*WORK ITEM*
Only one stretch of the records below should be repeated. It starts with the line containing "#2=IFCAXIS2PLACEMENT3D(#1,$,$);" and goes on through the line containing "#12=IFCCARTESIANPOINT((0.,0.,21.4399));", exactly as written.

[Stored data]
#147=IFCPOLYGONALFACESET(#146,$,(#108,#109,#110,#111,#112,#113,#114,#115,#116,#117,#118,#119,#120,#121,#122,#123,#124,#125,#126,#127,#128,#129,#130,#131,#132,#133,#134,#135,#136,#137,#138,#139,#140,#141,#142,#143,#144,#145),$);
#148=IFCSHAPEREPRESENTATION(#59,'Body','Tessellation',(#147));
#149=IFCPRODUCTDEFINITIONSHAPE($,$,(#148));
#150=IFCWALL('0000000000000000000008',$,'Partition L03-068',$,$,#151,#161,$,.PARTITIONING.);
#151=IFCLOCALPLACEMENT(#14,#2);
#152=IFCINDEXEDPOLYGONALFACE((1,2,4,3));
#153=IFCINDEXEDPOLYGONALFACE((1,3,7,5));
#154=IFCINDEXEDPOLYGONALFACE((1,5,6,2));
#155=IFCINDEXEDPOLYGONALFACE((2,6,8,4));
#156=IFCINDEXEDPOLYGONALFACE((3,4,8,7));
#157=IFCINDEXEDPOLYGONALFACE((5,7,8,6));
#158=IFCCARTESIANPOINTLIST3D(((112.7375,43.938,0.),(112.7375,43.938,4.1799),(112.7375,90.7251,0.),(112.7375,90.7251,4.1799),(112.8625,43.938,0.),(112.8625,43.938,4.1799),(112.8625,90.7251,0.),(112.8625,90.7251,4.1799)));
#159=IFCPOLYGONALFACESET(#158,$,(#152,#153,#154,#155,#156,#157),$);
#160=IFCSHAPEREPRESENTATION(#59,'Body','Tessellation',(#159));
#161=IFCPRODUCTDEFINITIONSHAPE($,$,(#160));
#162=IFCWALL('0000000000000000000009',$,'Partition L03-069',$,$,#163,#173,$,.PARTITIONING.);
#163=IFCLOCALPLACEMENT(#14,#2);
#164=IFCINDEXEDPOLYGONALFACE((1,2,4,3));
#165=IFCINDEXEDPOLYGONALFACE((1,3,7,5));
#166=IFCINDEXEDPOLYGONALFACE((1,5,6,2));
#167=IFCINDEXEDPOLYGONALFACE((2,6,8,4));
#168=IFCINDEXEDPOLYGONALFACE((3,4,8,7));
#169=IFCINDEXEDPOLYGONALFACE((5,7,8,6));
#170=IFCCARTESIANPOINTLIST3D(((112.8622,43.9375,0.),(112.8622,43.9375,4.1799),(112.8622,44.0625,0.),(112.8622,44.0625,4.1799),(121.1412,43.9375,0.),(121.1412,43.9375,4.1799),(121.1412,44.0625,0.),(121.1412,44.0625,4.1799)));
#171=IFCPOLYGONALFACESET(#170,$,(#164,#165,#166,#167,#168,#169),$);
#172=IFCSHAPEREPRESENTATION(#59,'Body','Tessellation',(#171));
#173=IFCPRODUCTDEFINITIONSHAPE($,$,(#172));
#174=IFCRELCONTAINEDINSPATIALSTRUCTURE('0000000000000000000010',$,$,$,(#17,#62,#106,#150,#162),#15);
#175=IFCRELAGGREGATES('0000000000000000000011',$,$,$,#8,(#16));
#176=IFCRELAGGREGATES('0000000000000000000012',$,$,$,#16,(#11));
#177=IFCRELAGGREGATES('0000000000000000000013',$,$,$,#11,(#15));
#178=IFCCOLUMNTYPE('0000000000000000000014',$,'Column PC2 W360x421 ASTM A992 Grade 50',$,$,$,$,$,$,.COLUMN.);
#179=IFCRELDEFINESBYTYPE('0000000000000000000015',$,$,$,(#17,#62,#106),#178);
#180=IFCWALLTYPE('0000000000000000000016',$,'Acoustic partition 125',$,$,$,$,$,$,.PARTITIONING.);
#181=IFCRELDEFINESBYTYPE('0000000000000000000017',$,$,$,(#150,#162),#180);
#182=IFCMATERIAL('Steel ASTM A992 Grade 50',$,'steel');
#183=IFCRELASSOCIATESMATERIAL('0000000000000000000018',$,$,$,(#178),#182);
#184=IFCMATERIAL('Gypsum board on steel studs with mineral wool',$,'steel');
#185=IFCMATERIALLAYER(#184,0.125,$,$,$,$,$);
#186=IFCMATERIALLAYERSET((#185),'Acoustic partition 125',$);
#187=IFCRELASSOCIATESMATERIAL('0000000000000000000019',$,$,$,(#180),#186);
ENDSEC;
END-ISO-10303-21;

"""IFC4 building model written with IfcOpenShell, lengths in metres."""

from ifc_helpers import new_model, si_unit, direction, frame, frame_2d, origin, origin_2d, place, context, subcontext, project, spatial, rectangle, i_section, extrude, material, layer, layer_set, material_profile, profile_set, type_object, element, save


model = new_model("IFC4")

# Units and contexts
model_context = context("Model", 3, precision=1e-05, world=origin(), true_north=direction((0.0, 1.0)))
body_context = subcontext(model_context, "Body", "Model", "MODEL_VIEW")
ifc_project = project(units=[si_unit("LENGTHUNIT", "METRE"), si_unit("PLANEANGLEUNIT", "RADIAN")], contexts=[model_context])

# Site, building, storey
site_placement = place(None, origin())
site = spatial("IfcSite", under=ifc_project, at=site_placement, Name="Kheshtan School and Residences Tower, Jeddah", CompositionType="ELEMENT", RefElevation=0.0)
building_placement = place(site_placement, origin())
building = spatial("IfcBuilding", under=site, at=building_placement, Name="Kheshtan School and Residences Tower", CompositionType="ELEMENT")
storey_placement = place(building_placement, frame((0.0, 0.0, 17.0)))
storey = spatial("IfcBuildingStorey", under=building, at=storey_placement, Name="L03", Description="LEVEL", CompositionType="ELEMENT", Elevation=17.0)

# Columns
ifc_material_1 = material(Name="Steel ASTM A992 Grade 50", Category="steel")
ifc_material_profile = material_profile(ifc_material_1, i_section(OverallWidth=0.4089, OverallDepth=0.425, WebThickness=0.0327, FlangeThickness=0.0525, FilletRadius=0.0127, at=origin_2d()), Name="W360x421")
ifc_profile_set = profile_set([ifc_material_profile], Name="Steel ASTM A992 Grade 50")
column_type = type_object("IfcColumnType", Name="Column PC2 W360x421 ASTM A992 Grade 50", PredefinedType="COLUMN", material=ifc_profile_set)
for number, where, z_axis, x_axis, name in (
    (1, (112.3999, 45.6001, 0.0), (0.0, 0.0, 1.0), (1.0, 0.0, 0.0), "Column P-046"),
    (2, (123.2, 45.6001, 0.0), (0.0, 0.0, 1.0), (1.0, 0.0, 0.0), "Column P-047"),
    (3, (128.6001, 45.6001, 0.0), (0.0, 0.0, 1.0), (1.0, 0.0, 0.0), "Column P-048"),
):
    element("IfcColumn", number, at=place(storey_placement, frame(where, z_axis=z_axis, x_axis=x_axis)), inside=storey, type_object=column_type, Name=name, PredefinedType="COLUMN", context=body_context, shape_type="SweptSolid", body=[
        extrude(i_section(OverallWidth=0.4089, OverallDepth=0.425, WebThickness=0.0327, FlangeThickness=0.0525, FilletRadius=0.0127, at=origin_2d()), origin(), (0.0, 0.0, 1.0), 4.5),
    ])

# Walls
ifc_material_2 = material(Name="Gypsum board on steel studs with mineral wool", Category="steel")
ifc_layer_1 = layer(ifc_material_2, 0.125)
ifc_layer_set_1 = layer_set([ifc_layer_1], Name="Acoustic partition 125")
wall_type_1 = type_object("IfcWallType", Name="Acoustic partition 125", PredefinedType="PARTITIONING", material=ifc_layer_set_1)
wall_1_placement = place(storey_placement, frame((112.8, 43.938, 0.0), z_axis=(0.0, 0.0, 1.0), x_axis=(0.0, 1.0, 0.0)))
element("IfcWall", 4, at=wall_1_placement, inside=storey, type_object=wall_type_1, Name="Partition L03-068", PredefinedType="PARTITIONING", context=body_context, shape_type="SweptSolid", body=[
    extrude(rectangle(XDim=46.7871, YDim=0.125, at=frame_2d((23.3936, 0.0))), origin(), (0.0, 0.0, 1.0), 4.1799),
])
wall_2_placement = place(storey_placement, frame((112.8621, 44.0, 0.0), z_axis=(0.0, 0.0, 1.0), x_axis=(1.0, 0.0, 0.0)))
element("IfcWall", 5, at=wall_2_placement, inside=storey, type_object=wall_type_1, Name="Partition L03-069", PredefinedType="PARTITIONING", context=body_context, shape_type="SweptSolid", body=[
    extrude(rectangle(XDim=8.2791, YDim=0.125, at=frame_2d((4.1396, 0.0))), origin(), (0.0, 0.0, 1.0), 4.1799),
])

---

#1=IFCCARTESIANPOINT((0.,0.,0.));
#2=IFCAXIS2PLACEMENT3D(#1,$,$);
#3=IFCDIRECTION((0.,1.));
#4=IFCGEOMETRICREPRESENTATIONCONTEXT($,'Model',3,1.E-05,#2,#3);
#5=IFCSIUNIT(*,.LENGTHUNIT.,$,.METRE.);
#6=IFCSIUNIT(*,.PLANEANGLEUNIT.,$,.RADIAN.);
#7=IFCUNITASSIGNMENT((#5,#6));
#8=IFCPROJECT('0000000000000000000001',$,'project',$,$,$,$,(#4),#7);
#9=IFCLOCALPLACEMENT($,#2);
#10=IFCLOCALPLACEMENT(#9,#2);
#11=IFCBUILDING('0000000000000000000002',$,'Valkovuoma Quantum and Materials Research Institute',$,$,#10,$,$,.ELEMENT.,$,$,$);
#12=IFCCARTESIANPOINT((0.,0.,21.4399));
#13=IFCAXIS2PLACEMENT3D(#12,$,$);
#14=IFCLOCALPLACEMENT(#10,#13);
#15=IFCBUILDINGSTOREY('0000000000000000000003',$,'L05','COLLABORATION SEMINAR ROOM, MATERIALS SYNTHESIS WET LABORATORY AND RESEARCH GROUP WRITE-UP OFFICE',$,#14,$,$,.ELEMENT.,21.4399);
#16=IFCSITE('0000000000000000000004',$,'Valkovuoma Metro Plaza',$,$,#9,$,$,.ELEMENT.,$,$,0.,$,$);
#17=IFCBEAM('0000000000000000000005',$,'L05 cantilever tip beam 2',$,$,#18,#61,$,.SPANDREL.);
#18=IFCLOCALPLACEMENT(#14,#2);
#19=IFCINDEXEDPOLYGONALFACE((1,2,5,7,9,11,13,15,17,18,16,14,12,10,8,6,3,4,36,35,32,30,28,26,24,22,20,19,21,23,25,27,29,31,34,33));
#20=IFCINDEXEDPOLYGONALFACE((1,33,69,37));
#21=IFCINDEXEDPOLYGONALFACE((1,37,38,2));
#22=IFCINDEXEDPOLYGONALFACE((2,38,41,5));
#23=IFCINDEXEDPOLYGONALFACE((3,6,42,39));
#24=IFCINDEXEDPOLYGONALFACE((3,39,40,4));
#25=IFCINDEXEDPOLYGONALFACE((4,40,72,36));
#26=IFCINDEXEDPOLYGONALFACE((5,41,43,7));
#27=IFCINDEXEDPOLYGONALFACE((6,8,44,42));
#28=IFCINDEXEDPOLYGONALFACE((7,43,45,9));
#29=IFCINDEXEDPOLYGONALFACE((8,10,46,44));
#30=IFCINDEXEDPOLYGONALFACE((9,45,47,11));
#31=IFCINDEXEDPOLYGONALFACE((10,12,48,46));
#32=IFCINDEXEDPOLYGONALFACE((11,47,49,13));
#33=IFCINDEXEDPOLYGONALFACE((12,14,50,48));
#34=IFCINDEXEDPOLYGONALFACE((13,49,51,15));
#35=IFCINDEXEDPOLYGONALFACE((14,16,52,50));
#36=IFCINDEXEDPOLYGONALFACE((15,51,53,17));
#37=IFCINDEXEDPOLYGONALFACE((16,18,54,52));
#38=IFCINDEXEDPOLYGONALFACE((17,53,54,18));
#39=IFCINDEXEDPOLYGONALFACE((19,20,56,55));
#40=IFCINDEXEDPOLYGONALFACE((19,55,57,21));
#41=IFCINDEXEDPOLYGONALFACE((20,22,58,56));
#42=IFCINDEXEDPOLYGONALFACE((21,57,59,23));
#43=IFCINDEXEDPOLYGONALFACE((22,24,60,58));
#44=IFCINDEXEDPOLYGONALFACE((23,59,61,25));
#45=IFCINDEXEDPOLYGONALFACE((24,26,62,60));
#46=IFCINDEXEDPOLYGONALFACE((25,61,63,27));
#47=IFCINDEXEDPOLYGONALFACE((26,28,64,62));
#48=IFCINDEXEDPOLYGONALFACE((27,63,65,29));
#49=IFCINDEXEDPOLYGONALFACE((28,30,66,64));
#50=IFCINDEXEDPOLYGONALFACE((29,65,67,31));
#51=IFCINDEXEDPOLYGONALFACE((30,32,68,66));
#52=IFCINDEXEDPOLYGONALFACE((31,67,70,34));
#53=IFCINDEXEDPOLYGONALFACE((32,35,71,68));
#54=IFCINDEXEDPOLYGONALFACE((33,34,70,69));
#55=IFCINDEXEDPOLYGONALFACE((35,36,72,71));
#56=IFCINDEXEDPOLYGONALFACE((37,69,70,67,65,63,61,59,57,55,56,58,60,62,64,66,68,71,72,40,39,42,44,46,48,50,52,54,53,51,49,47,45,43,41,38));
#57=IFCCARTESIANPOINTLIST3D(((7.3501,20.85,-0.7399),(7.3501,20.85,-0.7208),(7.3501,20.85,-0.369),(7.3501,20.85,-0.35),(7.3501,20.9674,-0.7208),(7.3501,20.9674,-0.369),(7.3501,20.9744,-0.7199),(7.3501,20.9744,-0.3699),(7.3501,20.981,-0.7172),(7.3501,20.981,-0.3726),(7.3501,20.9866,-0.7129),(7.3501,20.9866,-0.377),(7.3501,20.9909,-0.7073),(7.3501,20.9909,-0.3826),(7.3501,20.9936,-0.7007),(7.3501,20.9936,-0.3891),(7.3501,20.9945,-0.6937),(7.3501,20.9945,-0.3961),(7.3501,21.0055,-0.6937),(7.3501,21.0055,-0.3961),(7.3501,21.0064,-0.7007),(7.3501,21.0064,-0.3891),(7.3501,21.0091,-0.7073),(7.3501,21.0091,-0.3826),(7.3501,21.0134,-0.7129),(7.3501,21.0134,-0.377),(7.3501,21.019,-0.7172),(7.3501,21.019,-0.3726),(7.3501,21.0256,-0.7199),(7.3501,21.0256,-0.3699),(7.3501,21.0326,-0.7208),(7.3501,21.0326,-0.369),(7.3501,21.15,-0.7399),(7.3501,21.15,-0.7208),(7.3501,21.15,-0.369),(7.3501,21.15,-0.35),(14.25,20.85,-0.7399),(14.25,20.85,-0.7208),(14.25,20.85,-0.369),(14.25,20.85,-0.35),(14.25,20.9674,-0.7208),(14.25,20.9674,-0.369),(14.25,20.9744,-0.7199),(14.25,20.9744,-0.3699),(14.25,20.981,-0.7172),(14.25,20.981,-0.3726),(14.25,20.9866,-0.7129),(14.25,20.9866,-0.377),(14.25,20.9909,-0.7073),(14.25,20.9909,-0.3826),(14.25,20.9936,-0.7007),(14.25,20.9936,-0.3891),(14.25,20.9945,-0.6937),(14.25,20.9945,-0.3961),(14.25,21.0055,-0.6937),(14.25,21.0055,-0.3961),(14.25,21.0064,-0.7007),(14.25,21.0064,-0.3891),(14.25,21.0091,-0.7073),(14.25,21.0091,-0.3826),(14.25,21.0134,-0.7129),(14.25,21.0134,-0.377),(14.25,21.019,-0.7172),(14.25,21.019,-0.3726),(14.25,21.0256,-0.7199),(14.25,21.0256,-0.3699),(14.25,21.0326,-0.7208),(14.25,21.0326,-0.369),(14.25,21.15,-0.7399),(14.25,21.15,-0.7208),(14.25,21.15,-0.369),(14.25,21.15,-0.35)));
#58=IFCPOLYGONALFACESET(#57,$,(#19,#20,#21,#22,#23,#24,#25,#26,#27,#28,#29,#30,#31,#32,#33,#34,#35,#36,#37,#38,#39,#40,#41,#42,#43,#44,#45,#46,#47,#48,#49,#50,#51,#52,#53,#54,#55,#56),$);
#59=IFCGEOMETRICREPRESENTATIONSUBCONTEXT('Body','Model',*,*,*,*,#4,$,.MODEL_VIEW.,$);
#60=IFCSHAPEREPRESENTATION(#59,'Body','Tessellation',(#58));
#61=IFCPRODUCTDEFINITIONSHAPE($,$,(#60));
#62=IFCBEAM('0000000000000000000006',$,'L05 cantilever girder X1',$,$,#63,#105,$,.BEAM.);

* * *

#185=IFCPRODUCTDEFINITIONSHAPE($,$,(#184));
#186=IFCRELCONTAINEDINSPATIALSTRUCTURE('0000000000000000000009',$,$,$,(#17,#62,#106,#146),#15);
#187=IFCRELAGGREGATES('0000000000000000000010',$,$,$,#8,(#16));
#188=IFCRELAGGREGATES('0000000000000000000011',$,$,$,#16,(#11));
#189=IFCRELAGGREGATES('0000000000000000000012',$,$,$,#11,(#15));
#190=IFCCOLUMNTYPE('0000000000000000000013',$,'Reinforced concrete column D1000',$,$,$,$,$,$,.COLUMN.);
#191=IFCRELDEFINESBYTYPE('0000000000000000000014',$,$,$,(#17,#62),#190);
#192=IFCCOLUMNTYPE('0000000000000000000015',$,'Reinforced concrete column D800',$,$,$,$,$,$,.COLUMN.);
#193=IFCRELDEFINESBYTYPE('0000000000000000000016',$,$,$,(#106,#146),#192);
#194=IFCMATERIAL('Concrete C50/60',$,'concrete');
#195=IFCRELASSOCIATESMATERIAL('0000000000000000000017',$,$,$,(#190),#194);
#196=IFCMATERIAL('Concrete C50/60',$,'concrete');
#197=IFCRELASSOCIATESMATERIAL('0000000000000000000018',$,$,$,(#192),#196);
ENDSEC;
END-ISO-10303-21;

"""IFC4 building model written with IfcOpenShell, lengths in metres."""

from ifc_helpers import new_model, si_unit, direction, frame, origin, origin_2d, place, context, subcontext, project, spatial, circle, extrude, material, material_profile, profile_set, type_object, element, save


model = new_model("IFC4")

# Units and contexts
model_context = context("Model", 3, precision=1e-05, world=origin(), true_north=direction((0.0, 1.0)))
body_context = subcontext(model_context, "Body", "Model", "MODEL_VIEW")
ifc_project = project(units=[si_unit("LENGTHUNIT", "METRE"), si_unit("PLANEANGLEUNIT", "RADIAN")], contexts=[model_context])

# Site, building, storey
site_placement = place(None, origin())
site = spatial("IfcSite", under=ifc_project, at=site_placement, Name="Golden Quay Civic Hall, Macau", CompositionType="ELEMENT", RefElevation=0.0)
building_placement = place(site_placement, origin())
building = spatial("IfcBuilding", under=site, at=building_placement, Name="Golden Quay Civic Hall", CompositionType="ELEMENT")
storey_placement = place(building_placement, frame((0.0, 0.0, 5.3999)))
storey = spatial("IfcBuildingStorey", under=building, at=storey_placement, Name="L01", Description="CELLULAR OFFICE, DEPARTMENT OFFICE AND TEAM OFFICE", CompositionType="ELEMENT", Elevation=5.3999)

*YOUR SOLUTION*
#2=IFCAXIS2PLACEMENT3D(#1,$,$);
#3=IFCDIRECTION((0.,1.));
#4=IFCGEOMETRICREPRESENTATIONCONTEXT($,'Model',3,1.E-05,#2,#3);
#5=IFCSIUNIT(*,.LENGTHUNIT.,$,.METRE.);
#6=IFCSIUNIT(*,.PLANEANGLEUNIT.,$,.RADIAN.);
#7=IFCUNITASSIGNMENT((#5,#6));
#8=IFCPROJECT('0000000000000000000001',$,'project',$,$,$,$,(#4),#7);
#9=IFCLOCALPLACEMENT($,#2);
#10=IFCLOCALPLACEMENT(#9,#2);
#11=IFCBUILDING('0000000000000000000002',$,'Valkovuoma Quantum and Materials Research Institute',$,$,#10,$,$,.ELEMENT.,$,$,$);
#12=IFCCARTESIANPOINT((0.,0.,21.4399));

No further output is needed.